-- Exercise materials follows --
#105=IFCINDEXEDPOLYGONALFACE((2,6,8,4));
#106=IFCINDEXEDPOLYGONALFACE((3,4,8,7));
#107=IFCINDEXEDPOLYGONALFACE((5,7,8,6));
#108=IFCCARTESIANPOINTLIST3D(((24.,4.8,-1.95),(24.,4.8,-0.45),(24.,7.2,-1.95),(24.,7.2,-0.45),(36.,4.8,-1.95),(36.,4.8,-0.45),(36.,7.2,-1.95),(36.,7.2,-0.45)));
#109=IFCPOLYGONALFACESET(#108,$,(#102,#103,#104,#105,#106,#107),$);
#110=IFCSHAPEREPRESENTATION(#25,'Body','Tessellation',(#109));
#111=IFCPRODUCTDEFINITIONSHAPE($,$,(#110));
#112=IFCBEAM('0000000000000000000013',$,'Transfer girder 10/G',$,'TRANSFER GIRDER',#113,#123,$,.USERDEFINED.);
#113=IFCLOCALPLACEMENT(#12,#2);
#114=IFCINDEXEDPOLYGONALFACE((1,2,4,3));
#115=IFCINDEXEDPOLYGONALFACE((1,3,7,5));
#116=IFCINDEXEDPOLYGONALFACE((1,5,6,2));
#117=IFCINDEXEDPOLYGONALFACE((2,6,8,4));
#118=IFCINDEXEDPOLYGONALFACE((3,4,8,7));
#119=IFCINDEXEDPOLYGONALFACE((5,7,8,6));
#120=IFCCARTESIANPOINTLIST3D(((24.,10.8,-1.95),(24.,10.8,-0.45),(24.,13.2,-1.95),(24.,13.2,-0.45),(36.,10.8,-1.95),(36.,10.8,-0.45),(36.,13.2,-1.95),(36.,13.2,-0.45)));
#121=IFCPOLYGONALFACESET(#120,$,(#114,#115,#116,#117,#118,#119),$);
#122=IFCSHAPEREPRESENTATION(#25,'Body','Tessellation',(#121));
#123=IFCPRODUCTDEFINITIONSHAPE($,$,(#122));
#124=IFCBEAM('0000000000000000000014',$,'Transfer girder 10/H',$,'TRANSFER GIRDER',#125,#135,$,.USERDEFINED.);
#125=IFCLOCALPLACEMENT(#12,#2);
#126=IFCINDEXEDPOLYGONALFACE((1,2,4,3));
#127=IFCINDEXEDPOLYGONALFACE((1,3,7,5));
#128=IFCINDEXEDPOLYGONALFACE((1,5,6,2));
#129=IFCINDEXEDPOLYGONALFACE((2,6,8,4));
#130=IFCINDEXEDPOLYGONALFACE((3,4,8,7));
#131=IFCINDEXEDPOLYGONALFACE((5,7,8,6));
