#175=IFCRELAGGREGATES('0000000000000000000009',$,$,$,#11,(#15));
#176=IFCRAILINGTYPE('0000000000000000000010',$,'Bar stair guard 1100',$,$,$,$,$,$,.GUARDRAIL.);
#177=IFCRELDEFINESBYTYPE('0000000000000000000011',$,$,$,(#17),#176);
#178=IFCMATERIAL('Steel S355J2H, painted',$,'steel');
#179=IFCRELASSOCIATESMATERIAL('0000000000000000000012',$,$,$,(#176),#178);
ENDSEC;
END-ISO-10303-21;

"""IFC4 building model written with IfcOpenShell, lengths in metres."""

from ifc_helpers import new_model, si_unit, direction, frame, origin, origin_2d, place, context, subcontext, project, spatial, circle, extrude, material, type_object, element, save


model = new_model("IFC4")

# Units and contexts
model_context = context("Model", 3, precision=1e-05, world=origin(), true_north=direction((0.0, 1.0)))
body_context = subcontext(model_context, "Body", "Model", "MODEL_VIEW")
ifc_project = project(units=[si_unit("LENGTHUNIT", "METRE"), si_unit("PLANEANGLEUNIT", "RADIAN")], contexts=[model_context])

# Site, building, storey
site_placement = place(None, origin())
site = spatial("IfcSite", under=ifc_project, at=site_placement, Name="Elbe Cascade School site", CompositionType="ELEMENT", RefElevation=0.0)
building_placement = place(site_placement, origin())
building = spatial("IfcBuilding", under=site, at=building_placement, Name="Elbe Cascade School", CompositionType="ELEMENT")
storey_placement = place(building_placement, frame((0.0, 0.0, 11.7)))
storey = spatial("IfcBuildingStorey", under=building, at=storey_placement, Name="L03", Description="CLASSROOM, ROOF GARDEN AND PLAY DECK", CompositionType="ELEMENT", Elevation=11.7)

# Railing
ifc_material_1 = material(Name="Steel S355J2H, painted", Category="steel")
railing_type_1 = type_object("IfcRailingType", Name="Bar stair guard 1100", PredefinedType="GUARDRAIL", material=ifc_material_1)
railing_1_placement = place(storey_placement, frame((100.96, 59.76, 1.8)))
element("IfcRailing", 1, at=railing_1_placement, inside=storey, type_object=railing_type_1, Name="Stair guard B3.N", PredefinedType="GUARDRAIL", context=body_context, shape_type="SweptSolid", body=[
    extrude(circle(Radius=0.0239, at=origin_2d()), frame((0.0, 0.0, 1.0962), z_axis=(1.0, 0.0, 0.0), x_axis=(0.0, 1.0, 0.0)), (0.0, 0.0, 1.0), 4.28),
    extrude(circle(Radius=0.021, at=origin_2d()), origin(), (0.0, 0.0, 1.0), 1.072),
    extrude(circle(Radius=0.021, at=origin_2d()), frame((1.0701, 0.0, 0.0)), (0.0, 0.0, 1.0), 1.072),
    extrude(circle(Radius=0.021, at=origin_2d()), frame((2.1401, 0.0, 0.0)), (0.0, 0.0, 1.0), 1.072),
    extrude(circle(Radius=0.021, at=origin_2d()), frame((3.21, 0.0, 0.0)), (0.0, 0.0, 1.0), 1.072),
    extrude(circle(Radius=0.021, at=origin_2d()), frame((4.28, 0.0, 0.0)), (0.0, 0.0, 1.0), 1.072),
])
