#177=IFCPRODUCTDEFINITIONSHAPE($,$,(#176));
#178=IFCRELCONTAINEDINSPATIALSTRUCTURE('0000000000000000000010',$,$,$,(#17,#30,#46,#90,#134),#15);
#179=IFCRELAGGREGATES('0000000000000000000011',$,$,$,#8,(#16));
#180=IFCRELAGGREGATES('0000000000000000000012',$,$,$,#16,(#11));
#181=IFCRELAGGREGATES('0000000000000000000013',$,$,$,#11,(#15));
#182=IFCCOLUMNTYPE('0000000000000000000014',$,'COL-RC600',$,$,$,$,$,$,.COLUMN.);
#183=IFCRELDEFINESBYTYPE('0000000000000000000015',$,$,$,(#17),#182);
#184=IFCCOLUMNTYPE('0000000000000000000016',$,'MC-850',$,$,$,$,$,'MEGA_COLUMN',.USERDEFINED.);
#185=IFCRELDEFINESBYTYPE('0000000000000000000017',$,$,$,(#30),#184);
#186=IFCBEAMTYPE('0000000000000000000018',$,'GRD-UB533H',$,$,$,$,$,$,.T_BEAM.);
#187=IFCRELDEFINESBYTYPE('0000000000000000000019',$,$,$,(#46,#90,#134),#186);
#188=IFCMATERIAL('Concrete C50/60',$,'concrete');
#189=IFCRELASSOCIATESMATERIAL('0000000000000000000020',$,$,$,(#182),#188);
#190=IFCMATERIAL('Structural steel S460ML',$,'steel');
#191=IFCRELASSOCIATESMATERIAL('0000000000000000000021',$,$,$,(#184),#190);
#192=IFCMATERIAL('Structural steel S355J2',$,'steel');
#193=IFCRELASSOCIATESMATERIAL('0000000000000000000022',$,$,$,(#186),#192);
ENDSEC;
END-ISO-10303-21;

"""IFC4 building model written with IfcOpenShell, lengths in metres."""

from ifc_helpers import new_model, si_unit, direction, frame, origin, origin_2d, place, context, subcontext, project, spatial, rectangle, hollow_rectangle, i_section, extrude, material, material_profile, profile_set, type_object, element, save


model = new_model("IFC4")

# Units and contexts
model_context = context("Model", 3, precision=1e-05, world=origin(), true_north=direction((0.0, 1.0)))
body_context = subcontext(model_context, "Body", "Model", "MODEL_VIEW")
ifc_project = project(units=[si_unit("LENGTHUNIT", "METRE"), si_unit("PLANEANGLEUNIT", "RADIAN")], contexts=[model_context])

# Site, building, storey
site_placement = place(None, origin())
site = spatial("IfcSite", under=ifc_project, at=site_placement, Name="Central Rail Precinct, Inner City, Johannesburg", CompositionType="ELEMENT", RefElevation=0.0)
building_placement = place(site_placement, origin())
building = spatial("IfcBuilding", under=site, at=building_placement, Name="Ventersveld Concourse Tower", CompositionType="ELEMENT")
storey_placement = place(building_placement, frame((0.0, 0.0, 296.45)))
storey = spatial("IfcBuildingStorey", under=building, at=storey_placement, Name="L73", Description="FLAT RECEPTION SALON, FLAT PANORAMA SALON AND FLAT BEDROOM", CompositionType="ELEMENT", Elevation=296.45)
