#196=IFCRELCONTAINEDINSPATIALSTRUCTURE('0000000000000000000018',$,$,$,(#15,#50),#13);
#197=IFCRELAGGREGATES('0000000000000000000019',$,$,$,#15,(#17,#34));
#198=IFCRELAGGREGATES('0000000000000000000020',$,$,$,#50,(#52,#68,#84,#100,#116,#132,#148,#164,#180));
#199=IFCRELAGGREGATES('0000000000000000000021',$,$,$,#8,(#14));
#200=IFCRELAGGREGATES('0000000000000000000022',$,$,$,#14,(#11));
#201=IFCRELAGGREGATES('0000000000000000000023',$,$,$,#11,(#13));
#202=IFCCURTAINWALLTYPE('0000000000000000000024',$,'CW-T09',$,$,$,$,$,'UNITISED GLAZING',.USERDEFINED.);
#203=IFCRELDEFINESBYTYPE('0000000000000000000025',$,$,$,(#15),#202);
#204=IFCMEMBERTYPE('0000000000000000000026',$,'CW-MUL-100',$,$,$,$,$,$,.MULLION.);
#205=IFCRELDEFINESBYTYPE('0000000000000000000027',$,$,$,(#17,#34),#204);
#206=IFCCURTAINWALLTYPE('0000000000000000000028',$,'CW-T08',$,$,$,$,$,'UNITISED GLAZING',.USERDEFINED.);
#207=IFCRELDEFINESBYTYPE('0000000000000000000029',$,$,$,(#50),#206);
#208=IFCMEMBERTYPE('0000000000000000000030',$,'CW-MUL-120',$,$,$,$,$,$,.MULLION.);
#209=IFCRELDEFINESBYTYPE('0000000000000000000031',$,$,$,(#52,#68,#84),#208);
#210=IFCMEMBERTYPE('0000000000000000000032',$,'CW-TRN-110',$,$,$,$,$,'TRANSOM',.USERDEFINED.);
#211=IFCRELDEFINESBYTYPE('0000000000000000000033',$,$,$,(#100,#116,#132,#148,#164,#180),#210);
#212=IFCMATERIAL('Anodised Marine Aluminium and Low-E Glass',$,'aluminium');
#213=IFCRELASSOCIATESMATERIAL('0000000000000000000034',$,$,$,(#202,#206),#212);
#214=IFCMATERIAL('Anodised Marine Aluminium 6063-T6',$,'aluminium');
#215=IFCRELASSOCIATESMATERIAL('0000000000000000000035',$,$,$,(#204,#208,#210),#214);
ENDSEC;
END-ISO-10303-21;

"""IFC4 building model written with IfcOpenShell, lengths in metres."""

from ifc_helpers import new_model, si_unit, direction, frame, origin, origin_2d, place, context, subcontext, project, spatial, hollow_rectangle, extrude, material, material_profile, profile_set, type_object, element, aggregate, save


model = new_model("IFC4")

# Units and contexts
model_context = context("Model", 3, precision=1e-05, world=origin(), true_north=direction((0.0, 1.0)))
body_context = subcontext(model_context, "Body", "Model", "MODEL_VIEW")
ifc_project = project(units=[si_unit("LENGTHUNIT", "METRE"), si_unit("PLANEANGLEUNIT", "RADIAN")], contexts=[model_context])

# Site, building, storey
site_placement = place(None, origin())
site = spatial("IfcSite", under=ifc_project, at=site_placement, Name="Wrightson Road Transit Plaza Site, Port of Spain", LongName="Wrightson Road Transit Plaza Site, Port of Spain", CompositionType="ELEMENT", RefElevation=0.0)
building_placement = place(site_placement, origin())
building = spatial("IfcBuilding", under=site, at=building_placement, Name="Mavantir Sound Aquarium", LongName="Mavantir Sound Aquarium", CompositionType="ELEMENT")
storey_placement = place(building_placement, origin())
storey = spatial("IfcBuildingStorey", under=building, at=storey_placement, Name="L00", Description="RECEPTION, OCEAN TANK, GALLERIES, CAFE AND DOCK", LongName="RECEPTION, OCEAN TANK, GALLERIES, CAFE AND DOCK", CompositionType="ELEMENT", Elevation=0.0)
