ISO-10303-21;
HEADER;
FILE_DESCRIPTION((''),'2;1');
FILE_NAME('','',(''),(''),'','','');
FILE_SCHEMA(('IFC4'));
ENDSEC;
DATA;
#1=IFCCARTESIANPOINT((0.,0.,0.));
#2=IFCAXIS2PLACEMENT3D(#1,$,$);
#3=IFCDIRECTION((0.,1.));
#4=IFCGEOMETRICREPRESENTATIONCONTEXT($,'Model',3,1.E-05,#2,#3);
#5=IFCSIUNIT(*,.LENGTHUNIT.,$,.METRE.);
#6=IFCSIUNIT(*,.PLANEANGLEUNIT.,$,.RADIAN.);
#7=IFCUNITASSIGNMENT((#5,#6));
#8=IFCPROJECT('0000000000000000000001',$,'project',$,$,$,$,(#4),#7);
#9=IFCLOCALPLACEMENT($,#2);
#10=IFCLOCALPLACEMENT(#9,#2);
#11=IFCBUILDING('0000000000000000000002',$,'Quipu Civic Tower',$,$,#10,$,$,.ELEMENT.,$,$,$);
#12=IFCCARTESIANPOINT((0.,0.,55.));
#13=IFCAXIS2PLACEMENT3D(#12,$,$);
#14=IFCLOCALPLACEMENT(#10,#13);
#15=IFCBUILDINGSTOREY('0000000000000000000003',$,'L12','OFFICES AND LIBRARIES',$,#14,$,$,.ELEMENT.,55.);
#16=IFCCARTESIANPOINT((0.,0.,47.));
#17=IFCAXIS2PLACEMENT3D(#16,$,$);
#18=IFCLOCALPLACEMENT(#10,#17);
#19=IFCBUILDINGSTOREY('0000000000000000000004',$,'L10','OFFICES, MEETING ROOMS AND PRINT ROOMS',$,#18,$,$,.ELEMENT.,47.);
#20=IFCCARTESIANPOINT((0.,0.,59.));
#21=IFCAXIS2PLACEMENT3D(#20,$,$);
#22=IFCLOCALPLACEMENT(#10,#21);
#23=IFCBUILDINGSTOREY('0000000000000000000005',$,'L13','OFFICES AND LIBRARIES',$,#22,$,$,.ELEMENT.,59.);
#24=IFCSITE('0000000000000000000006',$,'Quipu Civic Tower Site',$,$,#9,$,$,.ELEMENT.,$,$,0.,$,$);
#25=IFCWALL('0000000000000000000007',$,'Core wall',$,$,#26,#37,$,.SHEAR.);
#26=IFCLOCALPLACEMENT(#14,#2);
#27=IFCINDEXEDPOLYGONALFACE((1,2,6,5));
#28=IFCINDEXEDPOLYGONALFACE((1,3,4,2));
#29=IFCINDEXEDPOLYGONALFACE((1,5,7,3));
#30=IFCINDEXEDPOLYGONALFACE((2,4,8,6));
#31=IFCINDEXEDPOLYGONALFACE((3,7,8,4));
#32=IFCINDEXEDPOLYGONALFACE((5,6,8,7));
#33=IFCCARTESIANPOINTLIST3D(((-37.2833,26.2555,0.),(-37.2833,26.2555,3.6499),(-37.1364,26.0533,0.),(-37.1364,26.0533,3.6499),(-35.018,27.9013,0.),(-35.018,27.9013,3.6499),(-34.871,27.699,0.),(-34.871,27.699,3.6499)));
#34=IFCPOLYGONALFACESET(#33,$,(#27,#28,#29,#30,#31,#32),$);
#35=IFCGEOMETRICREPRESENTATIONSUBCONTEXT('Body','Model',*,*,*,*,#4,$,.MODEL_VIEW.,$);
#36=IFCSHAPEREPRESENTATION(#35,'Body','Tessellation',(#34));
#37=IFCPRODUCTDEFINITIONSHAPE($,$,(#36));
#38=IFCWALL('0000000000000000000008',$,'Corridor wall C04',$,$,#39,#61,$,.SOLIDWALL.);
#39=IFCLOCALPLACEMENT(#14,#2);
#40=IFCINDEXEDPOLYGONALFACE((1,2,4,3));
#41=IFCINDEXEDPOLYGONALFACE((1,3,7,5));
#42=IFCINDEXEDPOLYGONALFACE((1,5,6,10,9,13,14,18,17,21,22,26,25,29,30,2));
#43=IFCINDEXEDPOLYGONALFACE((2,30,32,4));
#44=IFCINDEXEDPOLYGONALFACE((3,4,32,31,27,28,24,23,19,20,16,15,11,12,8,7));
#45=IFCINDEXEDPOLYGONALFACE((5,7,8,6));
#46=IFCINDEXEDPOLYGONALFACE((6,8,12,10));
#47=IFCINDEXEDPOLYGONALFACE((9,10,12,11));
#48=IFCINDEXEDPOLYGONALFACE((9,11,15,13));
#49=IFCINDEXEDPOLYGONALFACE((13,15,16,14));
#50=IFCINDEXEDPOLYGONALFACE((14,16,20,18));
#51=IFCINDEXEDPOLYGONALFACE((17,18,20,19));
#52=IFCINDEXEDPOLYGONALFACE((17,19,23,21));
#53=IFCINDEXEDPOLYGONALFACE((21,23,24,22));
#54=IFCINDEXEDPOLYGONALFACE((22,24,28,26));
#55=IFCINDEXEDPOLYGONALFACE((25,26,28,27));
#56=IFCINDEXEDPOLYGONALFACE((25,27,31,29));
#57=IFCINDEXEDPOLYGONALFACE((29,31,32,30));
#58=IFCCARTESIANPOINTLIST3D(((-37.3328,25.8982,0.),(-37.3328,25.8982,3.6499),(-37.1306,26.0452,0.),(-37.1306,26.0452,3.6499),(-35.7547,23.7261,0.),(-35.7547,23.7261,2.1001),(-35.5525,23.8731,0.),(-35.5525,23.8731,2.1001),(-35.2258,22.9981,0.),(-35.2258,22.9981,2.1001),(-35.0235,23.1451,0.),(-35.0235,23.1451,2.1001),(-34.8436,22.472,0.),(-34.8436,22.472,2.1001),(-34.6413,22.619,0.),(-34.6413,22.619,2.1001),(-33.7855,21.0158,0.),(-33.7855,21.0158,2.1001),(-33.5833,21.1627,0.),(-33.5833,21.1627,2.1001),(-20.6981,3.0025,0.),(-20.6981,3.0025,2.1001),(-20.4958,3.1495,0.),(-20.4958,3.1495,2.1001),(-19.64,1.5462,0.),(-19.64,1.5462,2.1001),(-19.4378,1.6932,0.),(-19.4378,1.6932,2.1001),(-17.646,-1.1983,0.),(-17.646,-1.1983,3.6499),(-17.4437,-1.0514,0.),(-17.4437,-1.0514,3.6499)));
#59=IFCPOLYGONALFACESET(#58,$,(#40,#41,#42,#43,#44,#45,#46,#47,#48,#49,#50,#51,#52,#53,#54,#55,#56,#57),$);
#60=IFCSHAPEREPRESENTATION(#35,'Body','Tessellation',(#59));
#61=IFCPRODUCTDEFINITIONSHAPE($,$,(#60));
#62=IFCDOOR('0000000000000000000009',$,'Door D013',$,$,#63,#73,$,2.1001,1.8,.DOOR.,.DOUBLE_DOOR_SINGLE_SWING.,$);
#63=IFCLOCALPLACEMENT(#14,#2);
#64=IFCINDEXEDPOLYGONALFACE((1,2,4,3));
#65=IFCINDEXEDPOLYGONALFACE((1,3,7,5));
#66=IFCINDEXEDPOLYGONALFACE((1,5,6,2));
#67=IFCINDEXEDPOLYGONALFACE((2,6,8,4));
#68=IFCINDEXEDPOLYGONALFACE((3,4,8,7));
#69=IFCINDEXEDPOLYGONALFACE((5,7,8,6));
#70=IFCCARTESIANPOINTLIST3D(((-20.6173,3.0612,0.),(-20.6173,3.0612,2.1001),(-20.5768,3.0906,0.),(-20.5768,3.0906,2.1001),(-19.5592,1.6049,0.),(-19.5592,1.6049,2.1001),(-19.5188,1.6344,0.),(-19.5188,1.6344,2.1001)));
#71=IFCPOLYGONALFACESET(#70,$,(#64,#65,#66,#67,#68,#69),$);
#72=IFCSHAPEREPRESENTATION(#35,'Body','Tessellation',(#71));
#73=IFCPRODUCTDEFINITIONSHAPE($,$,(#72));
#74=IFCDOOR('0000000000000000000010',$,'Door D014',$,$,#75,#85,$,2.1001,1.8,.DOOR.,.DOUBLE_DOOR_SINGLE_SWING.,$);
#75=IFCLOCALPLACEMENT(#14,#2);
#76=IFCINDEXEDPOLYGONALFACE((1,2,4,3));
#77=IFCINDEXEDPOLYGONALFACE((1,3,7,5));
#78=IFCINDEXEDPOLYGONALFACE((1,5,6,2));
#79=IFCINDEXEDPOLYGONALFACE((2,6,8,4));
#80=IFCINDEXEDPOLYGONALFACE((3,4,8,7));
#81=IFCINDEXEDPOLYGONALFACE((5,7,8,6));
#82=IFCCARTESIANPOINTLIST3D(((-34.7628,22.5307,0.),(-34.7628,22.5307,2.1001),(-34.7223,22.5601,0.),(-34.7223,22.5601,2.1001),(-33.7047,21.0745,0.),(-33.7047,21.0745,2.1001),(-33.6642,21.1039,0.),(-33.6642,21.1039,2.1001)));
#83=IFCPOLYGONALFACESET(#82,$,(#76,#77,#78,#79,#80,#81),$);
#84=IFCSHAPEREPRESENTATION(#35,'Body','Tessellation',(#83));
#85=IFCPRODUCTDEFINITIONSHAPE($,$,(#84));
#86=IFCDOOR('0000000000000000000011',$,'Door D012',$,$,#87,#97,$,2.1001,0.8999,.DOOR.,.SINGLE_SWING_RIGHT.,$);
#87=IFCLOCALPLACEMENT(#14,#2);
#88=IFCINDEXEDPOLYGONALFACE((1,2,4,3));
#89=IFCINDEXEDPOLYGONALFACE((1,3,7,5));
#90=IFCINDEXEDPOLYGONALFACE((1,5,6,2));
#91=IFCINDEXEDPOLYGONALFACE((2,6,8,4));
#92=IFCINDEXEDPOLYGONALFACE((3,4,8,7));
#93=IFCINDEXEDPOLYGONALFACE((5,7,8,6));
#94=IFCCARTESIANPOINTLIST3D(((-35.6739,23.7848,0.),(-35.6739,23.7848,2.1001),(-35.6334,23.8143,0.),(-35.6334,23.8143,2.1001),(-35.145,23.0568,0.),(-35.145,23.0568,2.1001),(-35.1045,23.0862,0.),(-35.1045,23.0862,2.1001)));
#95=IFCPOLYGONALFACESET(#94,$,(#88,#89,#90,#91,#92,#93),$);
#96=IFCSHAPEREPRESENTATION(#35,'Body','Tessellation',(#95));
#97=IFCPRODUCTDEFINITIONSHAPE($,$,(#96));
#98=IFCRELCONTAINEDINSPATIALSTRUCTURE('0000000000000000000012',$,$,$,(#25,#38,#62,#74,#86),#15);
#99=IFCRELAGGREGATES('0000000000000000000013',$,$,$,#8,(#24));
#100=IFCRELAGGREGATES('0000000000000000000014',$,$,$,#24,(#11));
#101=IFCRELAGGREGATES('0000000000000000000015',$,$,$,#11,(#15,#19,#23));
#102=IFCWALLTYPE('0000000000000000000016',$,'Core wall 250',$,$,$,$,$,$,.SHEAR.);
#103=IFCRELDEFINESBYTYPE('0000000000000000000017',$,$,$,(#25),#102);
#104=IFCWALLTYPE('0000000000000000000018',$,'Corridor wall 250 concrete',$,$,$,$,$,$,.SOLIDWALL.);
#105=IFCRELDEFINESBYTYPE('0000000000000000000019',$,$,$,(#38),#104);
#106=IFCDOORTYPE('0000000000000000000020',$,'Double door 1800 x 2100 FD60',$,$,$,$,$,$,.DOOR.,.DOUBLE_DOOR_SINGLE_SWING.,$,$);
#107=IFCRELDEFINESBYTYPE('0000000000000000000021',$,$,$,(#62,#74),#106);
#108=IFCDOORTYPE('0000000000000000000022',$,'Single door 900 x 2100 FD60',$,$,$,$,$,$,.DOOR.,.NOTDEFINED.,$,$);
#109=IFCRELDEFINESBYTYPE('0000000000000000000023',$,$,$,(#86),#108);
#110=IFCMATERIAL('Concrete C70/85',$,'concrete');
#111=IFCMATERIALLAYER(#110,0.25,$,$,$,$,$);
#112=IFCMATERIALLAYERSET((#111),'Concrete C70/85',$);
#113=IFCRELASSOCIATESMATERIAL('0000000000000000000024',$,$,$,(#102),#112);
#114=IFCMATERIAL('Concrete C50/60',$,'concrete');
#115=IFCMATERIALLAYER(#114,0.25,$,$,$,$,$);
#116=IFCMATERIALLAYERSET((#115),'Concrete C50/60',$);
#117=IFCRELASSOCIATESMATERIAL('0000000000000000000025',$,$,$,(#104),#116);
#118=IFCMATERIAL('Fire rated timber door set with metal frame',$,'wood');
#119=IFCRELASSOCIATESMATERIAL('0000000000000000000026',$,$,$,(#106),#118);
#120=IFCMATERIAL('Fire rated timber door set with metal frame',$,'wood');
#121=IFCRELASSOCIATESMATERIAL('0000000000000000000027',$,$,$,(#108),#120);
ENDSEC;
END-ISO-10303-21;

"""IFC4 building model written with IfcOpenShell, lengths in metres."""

from ifc_helpers import new_model, si_unit, direction, frame, frame_2d, origin, place, context, subcontext, project, spatial, rectangle, extrude, material, layer, layer_set, type_object, element, fill, save


model = new_model("IFC4")

# Units and contexts
model_context = context("Model", 3, precision=1e-05, world=origin(), true_north=direction((0.0, 1.0)))
body_context = subcontext(model_context, "Body", "Model", "MODEL_VIEW")
ifc_project = project(units=[si_unit("LENGTHUNIT", "METRE"), si_unit("PLANEANGLEUNIT", "RADIAN")], contexts=[model_context])

# Site, building, storey
site_placement = place(None, origin())
site = spatial("IfcSite", under=ifc_project, at=site_placement, Name="Quipu Civic Tower Site", CompositionType="ELEMENT", RefElevation=0.0)
building_placement = place(site_placement, origin())
building = spatial("IfcBuilding", under=site, at=building_placement, Name="Quipu Civic Tower", CompositionType="ELEMENT")
storey_1_placement = place(building_placement, frame((0.0, 0.0, 55.0)))
storey_1 = spatial("IfcBuildingStorey", under=building, at=storey_1_placement, Name="L12", Description="OFFICES AND LIBRARIES", CompositionType="ELEMENT", Elevation=55.0)

# Shared definitions
storey_2_placement = place(building_placement, frame((0.0, 0.0, 47.0)))
storey_2 = spatial("IfcBuildingStorey", under=building, at=storey_2_placement, Name="L10", Description="OFFICES, MEETING ROOMS AND PRINT ROOMS", CompositionType="ELEMENT", Elevation=47.0)

# Shared definitions
storey_3_placement = place(building_placement, frame((0.0, 0.0, 59.0)))
storey_3 = spatial("IfcBuildingStorey", under=building, at=storey_3_placement, Name="L13", Description="OFFICES AND LIBRARIES", CompositionType="ELEMENT", Elevation=59.0)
-- Exercise materials concluded --
▶ **Required action**
If a line above holds the string "circle", copy it out.

▶ **Response to this task**
from ifc_helpers import new_model, si_unit, direction, frame, origin, origin_2d, place, context, subcontext, project, spatial, circle, extrude, material, type_object, element, save
    extrude(circle(Radius=0.0239, at=origin_2d()), frame((0.0, 0.0, 1.0962), z_axis=(1.0, 0.0, 0.0), x_axis=(0.0, 1.0, 0.0)), (0.0, 0.0, 1.0), 4.28),
    extrude(circle(Radius=0.021, at=origin_2d()), origin(), (0.0, 0.0, 1.0), 1.072),
    extrude(circle(Radius=0.021, at=origin_2d()), frame((1.0701, 0.0, 0.0)), (0.0, 0.0, 1.0), 1.072),
    extrude(circle(Radius=0.021, at=origin_2d()), frame((2.1401, 0.0, 0.0)), (0.0, 0.0, 1.0), 1.072),
    extrude(circle(Radius=0.021, at=origin_2d()), frame((3.21, 0.0, 0.0)), (0.0, 0.0, 1.0), 1.072),
    extrude(circle(Radius=0.021, at=origin_2d()), frame((4.28, 0.0, 0.0)), (0.0, 0.0, 1.0), 1.072),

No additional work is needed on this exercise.